▶ [WHAT IS BEING ASKED]: Among the lines below, keep only those from the one containing "#44=IFCINDEXEDPOLYGONALFACE((1,2,4,3));" through the one containing "#57=IFCINDEXEDPOLYGONALFACE((21,23,24,22));", and reproduce them exactly.
= Beginning of Section =
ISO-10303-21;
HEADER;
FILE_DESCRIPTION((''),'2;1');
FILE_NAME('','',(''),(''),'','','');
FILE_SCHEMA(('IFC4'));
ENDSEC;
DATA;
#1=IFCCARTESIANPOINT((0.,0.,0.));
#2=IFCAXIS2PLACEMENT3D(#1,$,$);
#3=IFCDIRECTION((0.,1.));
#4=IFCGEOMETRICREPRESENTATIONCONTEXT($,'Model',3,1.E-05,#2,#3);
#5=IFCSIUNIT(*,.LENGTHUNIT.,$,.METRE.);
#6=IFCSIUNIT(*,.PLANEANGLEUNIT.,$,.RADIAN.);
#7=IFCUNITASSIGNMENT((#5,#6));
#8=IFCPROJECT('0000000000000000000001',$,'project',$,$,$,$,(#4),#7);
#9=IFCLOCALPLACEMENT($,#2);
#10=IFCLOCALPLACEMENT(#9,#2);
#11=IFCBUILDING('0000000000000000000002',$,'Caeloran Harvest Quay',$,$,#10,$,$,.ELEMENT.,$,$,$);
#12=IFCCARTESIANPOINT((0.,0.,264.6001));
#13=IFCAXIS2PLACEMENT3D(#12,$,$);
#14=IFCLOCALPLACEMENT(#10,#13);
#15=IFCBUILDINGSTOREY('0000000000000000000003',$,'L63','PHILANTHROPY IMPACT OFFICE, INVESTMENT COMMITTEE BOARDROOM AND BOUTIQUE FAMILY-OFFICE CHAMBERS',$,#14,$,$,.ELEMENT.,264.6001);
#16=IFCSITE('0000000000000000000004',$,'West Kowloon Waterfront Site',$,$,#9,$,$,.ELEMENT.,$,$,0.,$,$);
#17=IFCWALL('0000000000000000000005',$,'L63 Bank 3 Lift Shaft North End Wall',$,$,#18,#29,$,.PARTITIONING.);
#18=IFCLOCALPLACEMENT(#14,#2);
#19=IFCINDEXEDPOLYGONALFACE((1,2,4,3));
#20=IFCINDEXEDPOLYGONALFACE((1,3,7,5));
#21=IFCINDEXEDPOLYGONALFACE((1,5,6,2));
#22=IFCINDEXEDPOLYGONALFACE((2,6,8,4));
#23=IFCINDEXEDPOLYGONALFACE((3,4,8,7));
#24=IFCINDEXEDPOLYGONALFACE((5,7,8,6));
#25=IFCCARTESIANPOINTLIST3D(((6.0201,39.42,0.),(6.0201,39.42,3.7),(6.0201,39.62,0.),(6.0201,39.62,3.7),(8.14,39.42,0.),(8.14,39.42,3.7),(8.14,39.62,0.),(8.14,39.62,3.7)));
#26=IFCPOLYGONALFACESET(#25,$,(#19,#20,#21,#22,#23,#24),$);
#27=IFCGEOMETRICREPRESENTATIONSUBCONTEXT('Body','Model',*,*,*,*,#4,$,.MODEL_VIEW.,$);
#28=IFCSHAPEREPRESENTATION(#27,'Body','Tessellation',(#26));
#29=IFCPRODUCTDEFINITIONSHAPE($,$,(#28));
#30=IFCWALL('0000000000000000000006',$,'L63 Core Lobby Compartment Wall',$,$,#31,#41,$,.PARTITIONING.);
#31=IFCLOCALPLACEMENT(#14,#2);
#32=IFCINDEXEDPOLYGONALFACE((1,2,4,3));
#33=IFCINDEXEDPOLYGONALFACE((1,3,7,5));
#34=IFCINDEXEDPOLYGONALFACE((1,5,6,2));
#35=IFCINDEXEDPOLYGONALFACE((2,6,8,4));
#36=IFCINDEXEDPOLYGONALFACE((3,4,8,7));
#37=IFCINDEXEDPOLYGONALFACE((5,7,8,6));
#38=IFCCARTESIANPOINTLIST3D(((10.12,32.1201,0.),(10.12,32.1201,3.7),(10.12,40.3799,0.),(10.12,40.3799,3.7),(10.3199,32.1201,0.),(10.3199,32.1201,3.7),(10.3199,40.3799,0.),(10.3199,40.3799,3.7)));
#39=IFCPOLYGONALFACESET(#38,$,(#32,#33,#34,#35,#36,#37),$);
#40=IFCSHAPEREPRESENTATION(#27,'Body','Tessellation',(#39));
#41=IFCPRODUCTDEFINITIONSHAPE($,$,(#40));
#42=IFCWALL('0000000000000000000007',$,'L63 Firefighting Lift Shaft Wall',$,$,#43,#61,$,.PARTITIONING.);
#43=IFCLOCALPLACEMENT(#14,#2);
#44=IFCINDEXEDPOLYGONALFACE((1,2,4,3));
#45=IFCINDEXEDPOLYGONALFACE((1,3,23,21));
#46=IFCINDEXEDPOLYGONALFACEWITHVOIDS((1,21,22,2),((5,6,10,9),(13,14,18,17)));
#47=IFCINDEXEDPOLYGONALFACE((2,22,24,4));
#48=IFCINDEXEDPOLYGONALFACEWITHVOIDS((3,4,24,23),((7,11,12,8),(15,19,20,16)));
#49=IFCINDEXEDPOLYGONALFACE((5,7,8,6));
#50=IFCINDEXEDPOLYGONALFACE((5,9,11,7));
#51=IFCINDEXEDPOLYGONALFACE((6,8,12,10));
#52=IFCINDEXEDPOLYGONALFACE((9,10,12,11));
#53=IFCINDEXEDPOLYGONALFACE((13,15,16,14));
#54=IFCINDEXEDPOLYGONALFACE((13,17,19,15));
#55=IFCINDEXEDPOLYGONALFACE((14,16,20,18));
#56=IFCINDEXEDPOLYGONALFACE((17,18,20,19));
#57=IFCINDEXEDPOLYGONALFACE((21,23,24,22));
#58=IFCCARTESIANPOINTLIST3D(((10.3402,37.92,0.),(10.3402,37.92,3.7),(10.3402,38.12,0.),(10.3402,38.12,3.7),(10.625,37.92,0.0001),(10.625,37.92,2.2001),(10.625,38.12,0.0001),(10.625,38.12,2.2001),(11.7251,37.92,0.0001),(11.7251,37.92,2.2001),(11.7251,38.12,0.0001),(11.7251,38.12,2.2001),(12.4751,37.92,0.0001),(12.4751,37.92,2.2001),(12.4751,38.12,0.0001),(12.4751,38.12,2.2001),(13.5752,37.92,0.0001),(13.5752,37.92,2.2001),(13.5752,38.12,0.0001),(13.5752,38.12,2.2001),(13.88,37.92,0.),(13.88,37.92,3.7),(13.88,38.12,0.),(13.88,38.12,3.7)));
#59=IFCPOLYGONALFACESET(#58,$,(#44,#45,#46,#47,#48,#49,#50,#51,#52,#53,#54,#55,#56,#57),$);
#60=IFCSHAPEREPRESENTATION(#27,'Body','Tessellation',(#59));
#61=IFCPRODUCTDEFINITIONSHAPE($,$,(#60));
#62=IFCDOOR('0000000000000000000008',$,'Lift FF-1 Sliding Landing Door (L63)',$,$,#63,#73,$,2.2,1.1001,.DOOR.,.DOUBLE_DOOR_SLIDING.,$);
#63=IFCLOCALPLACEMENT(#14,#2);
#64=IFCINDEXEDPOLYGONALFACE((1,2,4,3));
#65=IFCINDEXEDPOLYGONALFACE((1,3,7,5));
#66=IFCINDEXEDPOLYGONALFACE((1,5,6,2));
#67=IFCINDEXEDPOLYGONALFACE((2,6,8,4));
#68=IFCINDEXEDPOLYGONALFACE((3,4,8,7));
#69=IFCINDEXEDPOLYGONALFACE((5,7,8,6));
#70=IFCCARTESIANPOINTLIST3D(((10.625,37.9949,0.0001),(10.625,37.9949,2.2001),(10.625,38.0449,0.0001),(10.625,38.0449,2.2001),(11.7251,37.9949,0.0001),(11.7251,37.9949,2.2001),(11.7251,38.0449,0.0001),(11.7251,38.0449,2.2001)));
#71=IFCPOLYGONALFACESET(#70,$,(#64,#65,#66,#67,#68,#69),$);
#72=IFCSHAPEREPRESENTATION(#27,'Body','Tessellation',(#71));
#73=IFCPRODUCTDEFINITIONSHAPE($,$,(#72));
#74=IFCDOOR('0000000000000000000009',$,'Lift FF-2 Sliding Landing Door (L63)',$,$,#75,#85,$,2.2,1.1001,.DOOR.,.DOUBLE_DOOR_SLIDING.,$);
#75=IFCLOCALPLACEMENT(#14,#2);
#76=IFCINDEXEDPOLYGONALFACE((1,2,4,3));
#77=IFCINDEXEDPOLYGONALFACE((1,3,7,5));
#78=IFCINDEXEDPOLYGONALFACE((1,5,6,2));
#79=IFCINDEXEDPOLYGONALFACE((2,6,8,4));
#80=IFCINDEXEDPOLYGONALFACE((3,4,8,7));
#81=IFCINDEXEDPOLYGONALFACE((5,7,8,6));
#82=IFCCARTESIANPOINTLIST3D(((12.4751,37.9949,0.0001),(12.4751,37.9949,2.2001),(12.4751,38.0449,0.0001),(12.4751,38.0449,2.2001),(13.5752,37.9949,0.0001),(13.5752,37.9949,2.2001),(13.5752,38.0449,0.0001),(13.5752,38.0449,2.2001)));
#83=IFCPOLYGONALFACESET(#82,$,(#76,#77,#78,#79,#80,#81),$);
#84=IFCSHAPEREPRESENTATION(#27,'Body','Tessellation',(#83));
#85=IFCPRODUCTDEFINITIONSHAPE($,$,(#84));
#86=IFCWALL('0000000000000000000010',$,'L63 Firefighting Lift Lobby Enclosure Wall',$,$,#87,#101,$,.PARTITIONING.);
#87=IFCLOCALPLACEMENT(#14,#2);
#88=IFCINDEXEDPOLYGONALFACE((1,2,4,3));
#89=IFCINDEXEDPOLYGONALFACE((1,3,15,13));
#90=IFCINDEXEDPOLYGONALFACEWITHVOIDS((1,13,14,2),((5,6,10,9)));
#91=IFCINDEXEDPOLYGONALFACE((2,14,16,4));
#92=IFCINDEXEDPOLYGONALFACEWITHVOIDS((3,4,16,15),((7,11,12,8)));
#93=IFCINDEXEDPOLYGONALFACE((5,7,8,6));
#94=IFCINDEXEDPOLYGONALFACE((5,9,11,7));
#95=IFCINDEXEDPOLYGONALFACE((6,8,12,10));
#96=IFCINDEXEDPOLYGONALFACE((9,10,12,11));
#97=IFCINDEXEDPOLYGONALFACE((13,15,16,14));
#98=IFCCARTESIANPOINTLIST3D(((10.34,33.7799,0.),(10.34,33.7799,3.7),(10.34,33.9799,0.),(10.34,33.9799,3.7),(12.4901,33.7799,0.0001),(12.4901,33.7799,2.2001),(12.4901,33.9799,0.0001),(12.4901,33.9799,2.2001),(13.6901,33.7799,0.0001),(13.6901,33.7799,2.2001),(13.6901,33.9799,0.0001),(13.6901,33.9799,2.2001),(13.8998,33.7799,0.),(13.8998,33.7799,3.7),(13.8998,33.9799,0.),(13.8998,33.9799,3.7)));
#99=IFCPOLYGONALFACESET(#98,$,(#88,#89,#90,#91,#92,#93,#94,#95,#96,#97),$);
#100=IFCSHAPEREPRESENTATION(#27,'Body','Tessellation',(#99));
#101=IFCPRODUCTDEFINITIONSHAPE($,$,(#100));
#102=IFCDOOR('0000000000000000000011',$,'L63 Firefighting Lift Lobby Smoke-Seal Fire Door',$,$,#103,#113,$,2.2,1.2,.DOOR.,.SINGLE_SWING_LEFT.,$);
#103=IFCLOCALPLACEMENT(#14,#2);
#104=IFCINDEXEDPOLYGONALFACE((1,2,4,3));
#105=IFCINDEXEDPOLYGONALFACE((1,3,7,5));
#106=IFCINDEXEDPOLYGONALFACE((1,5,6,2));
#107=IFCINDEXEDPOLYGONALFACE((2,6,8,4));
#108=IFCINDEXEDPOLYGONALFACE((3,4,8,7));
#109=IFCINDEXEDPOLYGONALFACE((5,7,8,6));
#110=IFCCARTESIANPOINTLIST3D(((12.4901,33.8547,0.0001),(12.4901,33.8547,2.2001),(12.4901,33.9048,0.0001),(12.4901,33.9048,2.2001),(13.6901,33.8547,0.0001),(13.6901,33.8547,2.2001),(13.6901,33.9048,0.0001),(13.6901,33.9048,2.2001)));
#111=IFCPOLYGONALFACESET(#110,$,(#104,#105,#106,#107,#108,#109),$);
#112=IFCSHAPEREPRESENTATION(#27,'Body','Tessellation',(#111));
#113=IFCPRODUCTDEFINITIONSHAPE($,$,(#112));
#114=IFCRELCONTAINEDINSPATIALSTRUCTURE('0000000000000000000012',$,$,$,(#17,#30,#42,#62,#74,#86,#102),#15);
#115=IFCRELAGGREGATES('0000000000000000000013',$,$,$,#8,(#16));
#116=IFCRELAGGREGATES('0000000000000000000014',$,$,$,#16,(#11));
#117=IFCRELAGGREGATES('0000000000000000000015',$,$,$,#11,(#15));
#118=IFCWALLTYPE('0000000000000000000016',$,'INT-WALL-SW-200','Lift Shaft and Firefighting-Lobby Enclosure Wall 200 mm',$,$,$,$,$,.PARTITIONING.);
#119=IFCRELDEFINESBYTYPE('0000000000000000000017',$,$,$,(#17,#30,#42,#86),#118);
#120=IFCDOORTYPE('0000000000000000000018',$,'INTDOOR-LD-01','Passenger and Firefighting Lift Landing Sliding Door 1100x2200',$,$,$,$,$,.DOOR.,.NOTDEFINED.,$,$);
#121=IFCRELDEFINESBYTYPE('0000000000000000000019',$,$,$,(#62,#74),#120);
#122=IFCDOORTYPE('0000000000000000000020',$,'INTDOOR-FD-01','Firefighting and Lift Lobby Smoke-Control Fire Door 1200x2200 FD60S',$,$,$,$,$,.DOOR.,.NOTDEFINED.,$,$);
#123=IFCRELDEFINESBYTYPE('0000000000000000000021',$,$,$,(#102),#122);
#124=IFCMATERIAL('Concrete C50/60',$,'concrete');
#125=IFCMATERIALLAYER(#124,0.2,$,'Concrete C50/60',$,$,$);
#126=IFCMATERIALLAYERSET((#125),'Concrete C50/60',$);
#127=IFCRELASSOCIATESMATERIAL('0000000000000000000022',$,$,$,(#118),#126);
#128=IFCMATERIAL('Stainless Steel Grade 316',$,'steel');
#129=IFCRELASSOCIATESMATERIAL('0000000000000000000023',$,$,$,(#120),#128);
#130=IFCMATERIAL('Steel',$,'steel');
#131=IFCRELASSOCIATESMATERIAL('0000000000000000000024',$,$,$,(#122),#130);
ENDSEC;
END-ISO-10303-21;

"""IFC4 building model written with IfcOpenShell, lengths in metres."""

from ifc_helpers import new_model, si_unit, direction, frame, frame_2d, origin, place, context, subcontext, project, spatial, rectangle, extrude, material, layer, layer_set, type_object, element, fill, save


model = new_model("IFC4")

# Units and contexts
model_context = context("Model", 3, precision=1e-05, world=origin(), true_north=direction((0.0, 1.0)))
body_context = subcontext(model_context, "Body", "Model", "MODEL_VIEW")
ifc_project = project(units=[si_unit("LENGTHUNIT", "METRE"), si_unit("PLANEANGLEUNIT", "RADIAN")], contexts=[model_context])

# Site, building, storey
site_placement = place(None, origin())
site = spatial("IfcSite", under=ifc_project, at=site_placement, Name="West Kowloon Waterfront Site", CompositionType="ELEMENT", RefElevation=0.0)
building_placement = place(site_placement, origin())
building = spatial("IfcBuilding", under=site, at=building_placement, Name="Caeloran Harvest Quay", CompositionType="ELEMENT")
storey_placement = place(building_placement, frame((0.0, 0.0, 264.6001)))
storey = spatial("IfcBuildingStorey", under=building, at=storey_placement, Name="L63", Description="PHILANTHROPY IMPACT OFFICE, INVESTMENT COMMITTEE BOARDROOM AND BOUTIQUE FAMILY-OFFICE CHAMBERS", CompositionType="ELEMENT", Elevation=264.6001)

# Shared definitions
ifc_material_1 = material(Name="Concrete C50/60", Category="concrete")
ifc_layer_1 = layer(ifc_material_1, 0.2, Name="Concrete C50/60")
ifc_layer_set_1 = layer_set([ifc_layer_1], Name="Concrete C50/60")
wall_type_1 = type_object("IfcWallType", Name="INT-WALL-SW-200", Description="Lift Shaft and Firefighting-Lobby Enclosure Wall 200 mm", PredefinedType="PARTITIONING", material=ifc_layer_set_1)
ifc_material_2 = material(Name="Stainless Steel Grade 316", Category="steel")
door_type_1 = type_object("IfcDoorType", Name="INTDOOR-LD-01", Description="Passenger and Firefighting Lift Landing Sliding Door 1100x2200", OperationType="NOTDEFINED", PredefinedType="DOOR", material=ifc_material_2)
= End of Section =
▶ [COMPLETED EXERCISE]:
#44=IFCINDEXEDPOLYGONALFACE((1,2,4,3));
#45=IFCINDEXEDPOLYGONALFACE((1,3,23,21));
#46=IFCINDEXEDPOLYGONALFACEWITHVOIDS((1,21,22,2),((5,6,10,9),(13,14,18,17)));
#47=IFCINDEXEDPOLYGONALFACE((2,22,24,4));
#48=IFCINDEXEDPOLYGONALFACEWITHVOIDS((3,4,24,23),((7,11,12,8),(15,19,20,16)));
#49=IFCINDEXEDPOLYGONALFACE((5,7,8,6));
#50=IFCINDEXEDPOLYGONALFACE((5,9,11,7));
#51=IFCINDEXEDPOLYGONALFACE((6,8,12,10));
#52=IFCINDEXEDPOLYGONALFACE((9,10,12,11));
#53=IFCINDEXEDPOLYGONALFACE((13,15,16,14));
#54=IFCINDEXEDPOLYGONALFACE((13,17,19,15));
#55=IFCINDEXEDPOLYGONALFACE((14,16,20,18));
#56=IFCINDEXEDPOLYGONALFACE((17,18,20,19));
#57=IFCINDEXEDPOLYGONALFACE((21,23,24,22));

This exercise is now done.